● What to do
Restate the entries word for word, omitting nothing.

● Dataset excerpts

== Segment start ==

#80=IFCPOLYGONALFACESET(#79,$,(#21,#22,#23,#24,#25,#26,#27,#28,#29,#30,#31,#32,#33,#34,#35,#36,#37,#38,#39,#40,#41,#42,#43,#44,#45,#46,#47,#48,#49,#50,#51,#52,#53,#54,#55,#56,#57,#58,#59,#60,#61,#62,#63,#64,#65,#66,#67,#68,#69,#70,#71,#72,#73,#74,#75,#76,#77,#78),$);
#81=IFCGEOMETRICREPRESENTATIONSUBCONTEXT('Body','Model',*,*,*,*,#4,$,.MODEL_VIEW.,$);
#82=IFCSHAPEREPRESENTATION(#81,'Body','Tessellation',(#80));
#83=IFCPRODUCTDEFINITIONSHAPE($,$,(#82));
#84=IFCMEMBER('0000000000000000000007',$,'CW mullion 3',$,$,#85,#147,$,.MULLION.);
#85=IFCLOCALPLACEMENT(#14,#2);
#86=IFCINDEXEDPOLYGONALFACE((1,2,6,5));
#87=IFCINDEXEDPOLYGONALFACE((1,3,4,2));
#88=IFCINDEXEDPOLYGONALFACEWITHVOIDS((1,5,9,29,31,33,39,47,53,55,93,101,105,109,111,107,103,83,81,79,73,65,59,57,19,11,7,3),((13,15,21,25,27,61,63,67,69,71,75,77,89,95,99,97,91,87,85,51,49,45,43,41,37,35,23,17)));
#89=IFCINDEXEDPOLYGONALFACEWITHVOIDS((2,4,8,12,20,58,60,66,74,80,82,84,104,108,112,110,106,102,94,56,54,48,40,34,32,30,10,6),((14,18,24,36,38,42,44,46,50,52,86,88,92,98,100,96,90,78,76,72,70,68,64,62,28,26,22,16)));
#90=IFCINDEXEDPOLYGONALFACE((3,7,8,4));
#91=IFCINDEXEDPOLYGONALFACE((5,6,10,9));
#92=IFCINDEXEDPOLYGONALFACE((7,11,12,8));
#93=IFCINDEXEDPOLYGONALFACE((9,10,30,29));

== Segment end ==

● Solution below
#80=IFCPOLYGONALFACESET(#79,$,(#21,#22,#23,#24,#25,#26,#27,#28,#29,#30,#31,#32,#33,#34,#35,#36,#37,#38,#39,#40,#41,#42,#43,#44,#45,#46,#47,#48,#49,#50,#51,#52,#53,#54,#55,#56,#57,#58,#59,#60,#61,#62,#63,#64,#65,#66,#67,#68,#69,#70,#71,#72,#73,#74,#75,#76,#77,#78),$);
#81=IFCGEOMETRICREPRESENTATIONSUBCONTEXT('Body','Model',*,*,*,*,#4,$,.MODEL_VIEW.,$);
#82=IFCSHAPEREPRESENTATION(#81,'Body','Tessellation',(#80));
#83=IFCPRODUCTDEFINITIONSHAPE($,$,(#82));
#84=IFCMEMBER('0000000000000000000007',$,'CW mullion 3',$,$,#85,#147,$,.MULLION.);
#85=IFCLOCALPLACEMENT(#14,#2);
#86=IFCINDEXEDPOLYGONALFACE((1,2,6,5));
#87=IFCINDEXEDPOLYGONALFACE((1,3,4,2));
#88=IFCINDEXEDPOLYGONALFACEWITHVOIDS((1,5,9,29,31,33,39,47,53,55,93,101,105,109,111,107,103,83,81,79,73,65,59,57,19,11,7,3),((13,15,21,25,27,61,63,67,69,71,75,77,89,95,99,97,91,87,85,51,49,45,43,41,37,35,23,17)));
#89=IFCINDEXEDPOLYGONALFACEWITHVOIDS((2,4,8,12,20,58,60,66,74,80,82,84,104,108,112,110,106,102,94,56,54,48,40,34,32,30,10,6),((14,18,24,36,38,42,44,46,50,52,86,88,92,98,100,96,90,78,76,72,70,68,64,62,28,26,22,16)));
#90=IFCINDEXEDPOLYGONALFACE((3,7,8,4));
#91=IFCINDEXEDPOLYGONALFACE((5,6,10,9));
#92=IFCINDEXEDPOLYGONALFACE((7,11,12,8));
#93=IFCINDEXEDPOLYGONALFACE((9,10,30,29));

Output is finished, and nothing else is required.